Saved entries:

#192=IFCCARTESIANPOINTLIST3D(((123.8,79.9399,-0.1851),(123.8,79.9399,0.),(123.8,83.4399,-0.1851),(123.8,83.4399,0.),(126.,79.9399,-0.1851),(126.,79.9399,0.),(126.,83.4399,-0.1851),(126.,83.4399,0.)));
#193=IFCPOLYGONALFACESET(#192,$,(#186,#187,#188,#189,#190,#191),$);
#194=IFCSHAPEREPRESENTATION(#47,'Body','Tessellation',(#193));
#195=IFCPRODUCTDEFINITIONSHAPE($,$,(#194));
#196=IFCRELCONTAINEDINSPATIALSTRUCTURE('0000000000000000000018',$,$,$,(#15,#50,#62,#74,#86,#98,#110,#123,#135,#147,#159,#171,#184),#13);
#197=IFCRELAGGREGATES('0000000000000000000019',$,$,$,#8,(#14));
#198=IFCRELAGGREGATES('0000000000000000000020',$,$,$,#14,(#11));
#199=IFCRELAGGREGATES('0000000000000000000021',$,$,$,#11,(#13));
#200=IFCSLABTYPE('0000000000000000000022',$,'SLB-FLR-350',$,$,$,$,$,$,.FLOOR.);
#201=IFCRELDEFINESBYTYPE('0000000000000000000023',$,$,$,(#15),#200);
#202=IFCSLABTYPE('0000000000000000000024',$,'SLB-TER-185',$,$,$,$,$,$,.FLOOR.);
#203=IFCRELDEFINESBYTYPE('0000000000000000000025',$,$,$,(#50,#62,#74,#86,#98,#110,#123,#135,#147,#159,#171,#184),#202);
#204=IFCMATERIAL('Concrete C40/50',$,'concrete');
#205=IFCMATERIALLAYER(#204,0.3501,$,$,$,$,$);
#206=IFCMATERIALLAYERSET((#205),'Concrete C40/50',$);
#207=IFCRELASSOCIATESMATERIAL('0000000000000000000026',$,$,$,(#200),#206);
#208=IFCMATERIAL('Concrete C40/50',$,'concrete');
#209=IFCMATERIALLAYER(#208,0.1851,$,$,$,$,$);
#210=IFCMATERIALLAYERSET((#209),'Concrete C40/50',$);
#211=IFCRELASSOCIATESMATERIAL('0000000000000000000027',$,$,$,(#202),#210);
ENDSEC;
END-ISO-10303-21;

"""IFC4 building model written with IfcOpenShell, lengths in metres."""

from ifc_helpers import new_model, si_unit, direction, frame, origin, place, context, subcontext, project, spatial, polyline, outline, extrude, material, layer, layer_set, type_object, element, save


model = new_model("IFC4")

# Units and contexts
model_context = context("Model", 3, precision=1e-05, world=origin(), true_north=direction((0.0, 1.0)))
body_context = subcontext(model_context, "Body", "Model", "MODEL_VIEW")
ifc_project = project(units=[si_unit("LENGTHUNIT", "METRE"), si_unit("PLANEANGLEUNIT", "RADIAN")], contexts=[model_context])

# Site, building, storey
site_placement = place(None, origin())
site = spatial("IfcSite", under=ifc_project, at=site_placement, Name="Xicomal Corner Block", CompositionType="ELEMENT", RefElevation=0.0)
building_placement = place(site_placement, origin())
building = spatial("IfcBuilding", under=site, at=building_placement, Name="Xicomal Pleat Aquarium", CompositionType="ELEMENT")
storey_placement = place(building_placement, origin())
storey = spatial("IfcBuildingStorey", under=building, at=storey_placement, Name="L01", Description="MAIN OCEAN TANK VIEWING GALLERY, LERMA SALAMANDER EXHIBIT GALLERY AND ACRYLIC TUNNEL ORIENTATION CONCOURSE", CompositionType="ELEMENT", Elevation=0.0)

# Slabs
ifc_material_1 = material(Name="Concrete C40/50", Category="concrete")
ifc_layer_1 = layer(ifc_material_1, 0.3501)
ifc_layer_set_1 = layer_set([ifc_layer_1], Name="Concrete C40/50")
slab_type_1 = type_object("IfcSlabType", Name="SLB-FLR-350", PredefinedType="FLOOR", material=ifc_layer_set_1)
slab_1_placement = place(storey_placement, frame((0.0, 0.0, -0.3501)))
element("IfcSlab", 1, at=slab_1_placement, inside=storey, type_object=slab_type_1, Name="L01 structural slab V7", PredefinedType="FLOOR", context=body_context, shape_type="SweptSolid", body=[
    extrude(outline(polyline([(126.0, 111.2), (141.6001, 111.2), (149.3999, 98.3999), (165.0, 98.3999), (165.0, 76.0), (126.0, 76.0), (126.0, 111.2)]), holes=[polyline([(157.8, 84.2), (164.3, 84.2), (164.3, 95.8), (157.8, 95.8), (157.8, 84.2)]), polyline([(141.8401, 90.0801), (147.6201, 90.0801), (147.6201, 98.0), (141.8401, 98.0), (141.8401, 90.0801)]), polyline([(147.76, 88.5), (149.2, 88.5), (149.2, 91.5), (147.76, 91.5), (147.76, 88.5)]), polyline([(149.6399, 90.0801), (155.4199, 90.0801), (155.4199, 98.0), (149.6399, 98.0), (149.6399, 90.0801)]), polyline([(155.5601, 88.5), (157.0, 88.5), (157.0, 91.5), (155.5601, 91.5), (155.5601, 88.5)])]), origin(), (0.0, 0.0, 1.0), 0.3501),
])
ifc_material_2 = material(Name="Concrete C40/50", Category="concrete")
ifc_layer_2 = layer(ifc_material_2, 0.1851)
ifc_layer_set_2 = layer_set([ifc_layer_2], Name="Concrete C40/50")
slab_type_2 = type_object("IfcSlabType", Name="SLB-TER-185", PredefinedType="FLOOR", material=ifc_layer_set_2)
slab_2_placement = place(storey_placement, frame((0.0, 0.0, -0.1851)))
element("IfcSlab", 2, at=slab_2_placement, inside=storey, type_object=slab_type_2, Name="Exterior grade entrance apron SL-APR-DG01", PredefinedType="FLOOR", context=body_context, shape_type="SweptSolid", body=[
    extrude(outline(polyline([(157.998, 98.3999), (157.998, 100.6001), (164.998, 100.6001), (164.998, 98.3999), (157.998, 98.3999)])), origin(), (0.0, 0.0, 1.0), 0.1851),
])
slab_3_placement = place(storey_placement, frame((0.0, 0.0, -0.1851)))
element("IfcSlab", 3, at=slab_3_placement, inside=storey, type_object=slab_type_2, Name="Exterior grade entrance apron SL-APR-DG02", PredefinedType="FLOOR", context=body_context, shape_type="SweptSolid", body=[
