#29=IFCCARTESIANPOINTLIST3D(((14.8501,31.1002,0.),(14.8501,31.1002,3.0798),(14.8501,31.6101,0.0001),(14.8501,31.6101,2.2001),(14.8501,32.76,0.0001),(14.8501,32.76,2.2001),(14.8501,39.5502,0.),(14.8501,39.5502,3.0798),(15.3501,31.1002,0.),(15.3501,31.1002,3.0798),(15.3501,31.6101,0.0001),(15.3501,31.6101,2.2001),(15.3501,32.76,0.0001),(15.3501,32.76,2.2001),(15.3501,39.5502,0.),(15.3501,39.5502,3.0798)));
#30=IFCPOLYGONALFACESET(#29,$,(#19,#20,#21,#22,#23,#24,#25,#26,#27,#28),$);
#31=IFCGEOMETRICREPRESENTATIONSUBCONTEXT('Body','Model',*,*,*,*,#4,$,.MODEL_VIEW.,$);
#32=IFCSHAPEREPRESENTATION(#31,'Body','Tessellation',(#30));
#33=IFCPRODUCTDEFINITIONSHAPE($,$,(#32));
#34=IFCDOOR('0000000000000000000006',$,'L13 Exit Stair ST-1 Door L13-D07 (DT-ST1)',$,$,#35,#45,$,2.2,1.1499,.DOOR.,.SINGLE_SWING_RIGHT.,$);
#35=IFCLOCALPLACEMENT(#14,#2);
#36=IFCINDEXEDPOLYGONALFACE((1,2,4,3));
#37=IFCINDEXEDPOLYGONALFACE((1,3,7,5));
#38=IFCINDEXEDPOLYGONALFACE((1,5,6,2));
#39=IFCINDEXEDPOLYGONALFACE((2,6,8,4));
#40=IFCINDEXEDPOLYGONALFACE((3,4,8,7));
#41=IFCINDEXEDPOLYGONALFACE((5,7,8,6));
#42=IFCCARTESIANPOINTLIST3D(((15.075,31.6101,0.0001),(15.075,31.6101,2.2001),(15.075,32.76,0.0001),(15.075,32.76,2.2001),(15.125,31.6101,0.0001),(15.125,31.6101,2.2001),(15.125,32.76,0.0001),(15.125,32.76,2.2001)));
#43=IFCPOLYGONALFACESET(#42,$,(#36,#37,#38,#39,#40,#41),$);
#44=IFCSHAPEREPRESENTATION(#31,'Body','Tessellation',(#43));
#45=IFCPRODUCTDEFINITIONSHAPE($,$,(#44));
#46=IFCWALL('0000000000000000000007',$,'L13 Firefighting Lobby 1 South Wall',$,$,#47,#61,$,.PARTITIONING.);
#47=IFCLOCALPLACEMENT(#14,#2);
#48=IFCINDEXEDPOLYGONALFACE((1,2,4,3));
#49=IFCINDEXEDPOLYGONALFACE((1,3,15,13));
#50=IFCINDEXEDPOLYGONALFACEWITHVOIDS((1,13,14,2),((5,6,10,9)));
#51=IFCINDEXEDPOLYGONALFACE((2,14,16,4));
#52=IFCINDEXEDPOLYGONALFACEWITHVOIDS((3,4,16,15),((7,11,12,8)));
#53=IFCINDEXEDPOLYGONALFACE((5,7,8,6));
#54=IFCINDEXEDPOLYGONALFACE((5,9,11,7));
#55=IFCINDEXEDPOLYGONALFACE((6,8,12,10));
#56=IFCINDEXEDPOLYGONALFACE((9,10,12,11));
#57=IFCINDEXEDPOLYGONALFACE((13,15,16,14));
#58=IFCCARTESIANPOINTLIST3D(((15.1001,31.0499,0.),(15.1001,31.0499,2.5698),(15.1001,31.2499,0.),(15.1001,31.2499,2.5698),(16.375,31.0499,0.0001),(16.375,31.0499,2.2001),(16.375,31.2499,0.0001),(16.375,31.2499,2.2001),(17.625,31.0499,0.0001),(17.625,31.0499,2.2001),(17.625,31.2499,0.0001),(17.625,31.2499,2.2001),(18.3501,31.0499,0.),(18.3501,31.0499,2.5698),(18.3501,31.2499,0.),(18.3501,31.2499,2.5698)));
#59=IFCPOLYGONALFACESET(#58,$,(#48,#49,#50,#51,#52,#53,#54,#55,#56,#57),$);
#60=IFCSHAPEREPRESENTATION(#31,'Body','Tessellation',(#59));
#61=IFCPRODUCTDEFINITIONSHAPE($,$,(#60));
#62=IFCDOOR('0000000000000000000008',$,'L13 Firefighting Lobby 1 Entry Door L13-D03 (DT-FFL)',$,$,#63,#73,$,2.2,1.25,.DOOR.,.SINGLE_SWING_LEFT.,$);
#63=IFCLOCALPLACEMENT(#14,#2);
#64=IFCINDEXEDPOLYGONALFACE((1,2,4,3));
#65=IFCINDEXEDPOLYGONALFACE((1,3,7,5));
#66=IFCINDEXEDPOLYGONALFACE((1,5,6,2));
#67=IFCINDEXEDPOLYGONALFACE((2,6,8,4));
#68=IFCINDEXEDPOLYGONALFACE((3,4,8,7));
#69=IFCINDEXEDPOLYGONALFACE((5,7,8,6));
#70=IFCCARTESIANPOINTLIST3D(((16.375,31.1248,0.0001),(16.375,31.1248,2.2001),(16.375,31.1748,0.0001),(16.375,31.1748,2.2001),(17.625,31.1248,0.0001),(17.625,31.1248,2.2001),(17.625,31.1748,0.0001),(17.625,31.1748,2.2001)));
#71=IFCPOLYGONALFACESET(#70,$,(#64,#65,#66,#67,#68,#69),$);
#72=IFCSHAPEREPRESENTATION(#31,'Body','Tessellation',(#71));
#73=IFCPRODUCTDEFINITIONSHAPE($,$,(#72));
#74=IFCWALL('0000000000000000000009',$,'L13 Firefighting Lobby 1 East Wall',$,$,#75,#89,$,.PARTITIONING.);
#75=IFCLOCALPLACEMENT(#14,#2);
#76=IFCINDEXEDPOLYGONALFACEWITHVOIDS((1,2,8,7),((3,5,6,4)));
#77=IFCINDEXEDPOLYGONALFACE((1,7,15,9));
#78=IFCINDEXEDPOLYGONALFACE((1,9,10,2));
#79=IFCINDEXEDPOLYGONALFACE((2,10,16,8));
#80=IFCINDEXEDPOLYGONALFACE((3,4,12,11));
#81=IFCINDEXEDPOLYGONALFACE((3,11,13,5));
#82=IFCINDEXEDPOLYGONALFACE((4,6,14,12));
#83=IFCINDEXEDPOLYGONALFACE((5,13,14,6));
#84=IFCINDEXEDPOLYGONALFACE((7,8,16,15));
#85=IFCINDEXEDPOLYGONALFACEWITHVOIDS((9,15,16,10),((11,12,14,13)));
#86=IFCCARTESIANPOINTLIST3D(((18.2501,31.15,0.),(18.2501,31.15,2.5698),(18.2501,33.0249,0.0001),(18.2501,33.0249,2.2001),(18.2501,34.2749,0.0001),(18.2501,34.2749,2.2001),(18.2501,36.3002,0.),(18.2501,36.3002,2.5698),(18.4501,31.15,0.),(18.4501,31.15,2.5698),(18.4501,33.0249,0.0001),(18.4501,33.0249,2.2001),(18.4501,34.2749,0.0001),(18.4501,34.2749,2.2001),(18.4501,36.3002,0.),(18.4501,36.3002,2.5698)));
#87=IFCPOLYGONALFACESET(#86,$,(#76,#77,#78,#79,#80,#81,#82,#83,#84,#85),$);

What the exercise asks ▸ Transcribe the records above exactly, beginning at the line that contains "# Site, building, storey" and ending with the line that contains "frame((0.0, 0.0, -0.3501)))", both included, and nothing else.

Response to the exercise ▸
# Site, building, storey
site_placement = place(None, origin())
site = spatial("IfcSite", under=ifc_project, at=site_placement, Name="Xicomal Corner Block", CompositionType="ELEMENT", RefElevation=0.0)
building_placement = place(site_placement, origin())
building = spatial("IfcBuilding", under=site, at=building_placement, Name="Xicomal Pleat Aquarium", CompositionType="ELEMENT")
storey_placement = place(building_placement, origin())
storey = spatial("IfcBuildingStorey", under=building, at=storey_placement, Name="L01", Description="MAIN OCEAN TANK VIEWING GALLERY, LERMA SALAMANDER EXHIBIT GALLERY AND ACRYLIC TUNNEL ORIENTATION CONCOURSE", CompositionType="ELEMENT", Elevation=0.0)

# Slabs
ifc_material_1 = material(Name="Concrete C40/50", Category="concrete")
ifc_layer_1 = layer(ifc_material_1, 0.3501)
ifc_layer_set_1 = layer_set([ifc_layer_1], Name="Concrete C40/50")
slab_type_1 = type_object("IfcSlabType", Name="SLB-FLR-350", PredefinedType="FLOOR", material=ifc_layer_set_1)
slab_1_placement = place(storey_placement, frame((0.0, 0.0, -0.3501)))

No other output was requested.